_RECORDED INFORMATION_.
═══
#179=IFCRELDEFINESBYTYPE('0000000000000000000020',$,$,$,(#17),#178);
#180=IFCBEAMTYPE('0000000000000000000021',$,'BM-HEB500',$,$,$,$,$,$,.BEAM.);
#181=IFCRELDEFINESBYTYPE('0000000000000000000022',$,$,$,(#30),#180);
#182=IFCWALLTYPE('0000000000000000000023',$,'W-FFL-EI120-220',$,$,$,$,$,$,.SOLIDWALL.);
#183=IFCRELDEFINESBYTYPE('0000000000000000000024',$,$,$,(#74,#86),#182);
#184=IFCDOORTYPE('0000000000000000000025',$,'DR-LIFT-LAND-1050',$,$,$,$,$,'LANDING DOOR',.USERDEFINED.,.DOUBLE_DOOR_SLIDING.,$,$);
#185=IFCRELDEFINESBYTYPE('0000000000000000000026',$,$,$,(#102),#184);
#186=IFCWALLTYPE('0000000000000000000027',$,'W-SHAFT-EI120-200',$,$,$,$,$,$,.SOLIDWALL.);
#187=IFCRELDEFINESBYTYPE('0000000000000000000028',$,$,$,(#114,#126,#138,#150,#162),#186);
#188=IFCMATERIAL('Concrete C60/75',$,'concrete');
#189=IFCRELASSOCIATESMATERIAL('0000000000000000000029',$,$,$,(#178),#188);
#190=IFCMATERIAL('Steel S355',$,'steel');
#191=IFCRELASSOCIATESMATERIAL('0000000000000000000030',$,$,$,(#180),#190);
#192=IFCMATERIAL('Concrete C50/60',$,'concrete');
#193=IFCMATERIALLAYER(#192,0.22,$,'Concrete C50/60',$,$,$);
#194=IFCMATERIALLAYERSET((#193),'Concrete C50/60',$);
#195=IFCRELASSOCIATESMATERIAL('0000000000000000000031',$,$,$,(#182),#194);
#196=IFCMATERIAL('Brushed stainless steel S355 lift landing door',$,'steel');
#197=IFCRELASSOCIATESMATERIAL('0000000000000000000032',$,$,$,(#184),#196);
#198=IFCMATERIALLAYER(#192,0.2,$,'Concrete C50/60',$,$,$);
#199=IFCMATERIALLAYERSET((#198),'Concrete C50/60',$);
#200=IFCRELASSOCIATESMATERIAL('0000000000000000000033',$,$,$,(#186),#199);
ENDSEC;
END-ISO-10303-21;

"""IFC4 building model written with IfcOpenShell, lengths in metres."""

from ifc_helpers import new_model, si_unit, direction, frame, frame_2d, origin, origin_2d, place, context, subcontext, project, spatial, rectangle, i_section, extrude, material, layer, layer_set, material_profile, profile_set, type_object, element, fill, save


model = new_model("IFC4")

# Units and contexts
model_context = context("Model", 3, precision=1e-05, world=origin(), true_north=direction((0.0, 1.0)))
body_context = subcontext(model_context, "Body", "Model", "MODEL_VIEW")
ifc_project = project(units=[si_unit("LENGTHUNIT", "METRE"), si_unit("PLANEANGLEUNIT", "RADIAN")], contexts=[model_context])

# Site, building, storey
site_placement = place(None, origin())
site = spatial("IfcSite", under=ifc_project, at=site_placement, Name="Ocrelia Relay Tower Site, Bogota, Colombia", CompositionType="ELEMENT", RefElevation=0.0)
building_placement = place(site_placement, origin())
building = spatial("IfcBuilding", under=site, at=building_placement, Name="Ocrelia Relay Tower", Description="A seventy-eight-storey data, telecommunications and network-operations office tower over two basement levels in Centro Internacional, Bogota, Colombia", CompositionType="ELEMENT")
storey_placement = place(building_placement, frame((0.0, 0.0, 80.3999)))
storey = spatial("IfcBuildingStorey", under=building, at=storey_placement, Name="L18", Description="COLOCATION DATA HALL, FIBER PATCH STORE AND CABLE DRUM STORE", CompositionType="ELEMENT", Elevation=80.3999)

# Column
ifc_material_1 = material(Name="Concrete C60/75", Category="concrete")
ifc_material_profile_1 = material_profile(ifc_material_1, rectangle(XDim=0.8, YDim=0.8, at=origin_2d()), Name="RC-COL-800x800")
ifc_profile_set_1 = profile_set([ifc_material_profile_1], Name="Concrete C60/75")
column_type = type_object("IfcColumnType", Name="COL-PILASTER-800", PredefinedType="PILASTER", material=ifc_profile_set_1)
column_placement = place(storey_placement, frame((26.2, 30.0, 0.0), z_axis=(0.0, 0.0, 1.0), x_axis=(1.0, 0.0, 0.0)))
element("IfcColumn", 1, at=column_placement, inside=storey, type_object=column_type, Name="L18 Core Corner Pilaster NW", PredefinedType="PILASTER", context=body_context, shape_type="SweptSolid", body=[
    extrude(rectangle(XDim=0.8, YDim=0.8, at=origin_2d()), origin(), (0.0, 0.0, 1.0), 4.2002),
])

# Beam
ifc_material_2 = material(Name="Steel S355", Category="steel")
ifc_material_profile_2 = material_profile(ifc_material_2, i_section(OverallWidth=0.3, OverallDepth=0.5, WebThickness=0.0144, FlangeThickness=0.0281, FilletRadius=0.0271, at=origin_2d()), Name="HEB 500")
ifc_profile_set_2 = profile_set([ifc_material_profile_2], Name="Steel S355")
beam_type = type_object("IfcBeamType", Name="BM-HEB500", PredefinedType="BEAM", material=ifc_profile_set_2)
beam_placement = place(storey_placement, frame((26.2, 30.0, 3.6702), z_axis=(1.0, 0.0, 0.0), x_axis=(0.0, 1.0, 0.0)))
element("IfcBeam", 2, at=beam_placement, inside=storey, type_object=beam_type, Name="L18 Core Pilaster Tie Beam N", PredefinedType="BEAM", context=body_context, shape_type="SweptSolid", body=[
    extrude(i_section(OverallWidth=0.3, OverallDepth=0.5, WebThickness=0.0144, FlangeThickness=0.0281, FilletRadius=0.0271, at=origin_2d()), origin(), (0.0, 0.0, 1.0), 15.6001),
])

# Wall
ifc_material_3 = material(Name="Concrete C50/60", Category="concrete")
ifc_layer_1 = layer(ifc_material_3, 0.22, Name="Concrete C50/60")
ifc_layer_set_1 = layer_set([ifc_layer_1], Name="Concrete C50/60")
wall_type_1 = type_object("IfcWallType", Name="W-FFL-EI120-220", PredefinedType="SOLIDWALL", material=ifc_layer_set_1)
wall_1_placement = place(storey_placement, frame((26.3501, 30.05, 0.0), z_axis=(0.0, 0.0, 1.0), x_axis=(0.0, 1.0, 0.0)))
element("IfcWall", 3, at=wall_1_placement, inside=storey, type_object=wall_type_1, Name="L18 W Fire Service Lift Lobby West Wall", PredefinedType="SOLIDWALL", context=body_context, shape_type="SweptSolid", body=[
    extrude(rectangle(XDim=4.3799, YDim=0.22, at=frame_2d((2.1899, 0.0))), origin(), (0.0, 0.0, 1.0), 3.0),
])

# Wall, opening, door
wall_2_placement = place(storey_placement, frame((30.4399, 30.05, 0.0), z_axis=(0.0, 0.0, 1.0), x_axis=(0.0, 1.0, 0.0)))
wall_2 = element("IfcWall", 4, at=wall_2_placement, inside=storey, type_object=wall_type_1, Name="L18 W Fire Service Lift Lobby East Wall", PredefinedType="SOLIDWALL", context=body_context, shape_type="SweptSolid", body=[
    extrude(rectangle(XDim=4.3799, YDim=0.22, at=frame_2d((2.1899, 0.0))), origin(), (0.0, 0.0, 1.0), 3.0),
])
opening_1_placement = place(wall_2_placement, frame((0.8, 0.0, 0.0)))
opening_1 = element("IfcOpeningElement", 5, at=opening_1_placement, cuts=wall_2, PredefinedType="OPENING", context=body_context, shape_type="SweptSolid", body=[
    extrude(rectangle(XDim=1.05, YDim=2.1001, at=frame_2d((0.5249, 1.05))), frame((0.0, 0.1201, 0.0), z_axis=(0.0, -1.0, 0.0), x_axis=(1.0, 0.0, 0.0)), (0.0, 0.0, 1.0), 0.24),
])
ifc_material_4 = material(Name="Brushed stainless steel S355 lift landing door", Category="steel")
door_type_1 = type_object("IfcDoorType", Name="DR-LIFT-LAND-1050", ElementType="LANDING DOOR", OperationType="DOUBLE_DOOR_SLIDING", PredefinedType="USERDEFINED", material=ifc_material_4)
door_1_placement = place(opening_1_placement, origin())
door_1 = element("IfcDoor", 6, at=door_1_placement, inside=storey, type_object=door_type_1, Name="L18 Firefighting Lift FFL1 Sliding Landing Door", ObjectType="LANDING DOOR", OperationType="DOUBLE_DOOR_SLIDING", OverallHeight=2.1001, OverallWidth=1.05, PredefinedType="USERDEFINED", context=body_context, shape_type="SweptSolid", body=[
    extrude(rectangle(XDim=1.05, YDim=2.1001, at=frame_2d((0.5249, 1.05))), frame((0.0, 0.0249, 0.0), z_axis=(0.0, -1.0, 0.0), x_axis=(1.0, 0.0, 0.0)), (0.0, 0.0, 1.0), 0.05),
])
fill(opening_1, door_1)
═══
_TASK DESCRIPTION_.
When a line of the records has the word "inside", pick it out and copy it.

_EXPECTED ANSWER_.
element("IfcColumn", 1, at=column_placement, inside=storey, type_object=column_type, Name="L18 Core Corner Pilaster NW", PredefinedType="PILASTER", context=body_context, shape_type="SweptSolid", body=[
element("IfcBeam", 2, at=beam_placement, inside=storey, type_object=beam_type, Name="L18 Core Pilaster Tie Beam N", PredefinedType="BEAM", context=body_context, shape_type="SweptSolid", body=[
element("IfcWall", 3, at=wall_1_placement, inside=storey, type_object=wall_type_1, Name="L18 W Fire Service Lift Lobby West Wall", PredefinedType="SOLIDWALL", context=body_context, shape_type="SweptSolid", body=[
wall_2 = element("IfcWall", 4, at=wall_2_placement, inside=storey, type_object=wall_type_1, Name="L18 W Fire Service Lift Lobby East Wall", PredefinedType="SOLIDWALL", context=body_context, shape_type="SweptSolid", body=[
door_1 = element("IfcDoor", 6, at=door_1_placement, inside=storey, type_object=door_type_1, Name="L18 Firefighting Lift FFL1 Sliding Landing Door", ObjectType="LANDING DOOR", OperationType="DOUBLE_DOOR_SLIDING", OverallHeight=2.1001, OverallWidth=1.05, PredefinedType="USERDEFINED", context=body_context, shape_type="SweptSolid", body=[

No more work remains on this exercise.